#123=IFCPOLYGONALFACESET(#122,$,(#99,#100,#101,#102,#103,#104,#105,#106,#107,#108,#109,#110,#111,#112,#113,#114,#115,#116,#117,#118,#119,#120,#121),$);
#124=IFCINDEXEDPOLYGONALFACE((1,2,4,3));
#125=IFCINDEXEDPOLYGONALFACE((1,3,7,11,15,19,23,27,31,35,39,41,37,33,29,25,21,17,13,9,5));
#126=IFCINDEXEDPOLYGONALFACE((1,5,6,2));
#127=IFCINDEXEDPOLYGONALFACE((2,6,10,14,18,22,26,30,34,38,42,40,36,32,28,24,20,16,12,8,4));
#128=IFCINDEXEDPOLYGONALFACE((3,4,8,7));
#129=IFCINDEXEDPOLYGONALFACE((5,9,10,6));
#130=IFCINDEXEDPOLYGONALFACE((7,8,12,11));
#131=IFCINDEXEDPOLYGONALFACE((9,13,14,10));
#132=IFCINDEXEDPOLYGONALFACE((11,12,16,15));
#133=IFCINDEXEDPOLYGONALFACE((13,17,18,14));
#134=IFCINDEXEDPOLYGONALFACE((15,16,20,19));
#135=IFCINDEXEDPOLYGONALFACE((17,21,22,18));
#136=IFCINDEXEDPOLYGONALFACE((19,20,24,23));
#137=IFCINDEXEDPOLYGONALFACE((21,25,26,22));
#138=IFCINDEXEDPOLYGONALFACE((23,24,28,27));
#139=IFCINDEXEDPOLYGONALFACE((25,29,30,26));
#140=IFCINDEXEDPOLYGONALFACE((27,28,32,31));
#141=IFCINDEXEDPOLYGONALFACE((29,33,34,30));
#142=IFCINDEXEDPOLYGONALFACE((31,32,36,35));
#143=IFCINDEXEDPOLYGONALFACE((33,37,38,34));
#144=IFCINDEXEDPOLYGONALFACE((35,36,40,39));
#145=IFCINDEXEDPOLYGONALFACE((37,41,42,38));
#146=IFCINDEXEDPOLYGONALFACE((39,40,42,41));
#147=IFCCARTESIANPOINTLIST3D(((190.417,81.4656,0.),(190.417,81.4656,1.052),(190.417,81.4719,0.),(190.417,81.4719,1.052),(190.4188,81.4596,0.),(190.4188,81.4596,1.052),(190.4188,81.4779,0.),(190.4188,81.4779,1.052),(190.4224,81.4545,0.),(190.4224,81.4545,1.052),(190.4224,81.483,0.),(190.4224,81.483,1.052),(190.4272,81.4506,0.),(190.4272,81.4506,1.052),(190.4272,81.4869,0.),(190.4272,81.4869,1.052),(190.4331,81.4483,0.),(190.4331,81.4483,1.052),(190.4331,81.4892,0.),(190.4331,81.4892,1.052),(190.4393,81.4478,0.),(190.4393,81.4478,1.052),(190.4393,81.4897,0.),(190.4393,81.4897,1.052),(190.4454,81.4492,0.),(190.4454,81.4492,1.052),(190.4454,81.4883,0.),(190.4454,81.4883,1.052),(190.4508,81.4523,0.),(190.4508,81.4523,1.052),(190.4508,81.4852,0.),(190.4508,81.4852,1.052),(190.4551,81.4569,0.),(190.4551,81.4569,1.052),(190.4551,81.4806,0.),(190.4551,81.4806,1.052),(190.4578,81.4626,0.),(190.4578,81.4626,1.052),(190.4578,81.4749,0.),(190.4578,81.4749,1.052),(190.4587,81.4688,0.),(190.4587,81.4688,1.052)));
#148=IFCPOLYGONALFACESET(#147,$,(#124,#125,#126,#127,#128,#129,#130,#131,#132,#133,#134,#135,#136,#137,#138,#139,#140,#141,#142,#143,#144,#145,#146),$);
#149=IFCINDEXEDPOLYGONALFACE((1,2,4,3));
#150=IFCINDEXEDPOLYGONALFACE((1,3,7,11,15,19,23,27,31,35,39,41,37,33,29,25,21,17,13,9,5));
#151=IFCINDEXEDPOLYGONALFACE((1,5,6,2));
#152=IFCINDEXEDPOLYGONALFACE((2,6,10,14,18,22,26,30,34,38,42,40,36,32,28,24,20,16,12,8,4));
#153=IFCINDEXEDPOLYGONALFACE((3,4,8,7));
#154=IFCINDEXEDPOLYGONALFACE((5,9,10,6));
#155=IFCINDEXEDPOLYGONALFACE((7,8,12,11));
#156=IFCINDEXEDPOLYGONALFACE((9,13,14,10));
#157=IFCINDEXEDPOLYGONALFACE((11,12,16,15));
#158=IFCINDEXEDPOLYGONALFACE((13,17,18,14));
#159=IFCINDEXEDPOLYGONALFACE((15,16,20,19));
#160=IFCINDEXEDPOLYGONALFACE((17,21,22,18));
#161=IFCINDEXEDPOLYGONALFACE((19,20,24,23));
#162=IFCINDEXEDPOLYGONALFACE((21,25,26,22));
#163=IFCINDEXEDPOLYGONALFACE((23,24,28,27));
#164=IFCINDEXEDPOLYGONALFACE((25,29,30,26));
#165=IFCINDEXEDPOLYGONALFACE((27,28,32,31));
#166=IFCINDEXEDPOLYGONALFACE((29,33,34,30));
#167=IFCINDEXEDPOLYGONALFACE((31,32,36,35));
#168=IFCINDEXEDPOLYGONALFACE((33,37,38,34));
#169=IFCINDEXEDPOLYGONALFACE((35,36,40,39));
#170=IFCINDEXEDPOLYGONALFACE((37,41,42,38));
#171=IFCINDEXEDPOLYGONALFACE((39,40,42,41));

━━━━━━━━

Task prompt
Using the listing above, count the lines that contain the word "IFCPOLYGONALFACESET" and state only that number.

Answer to this task
2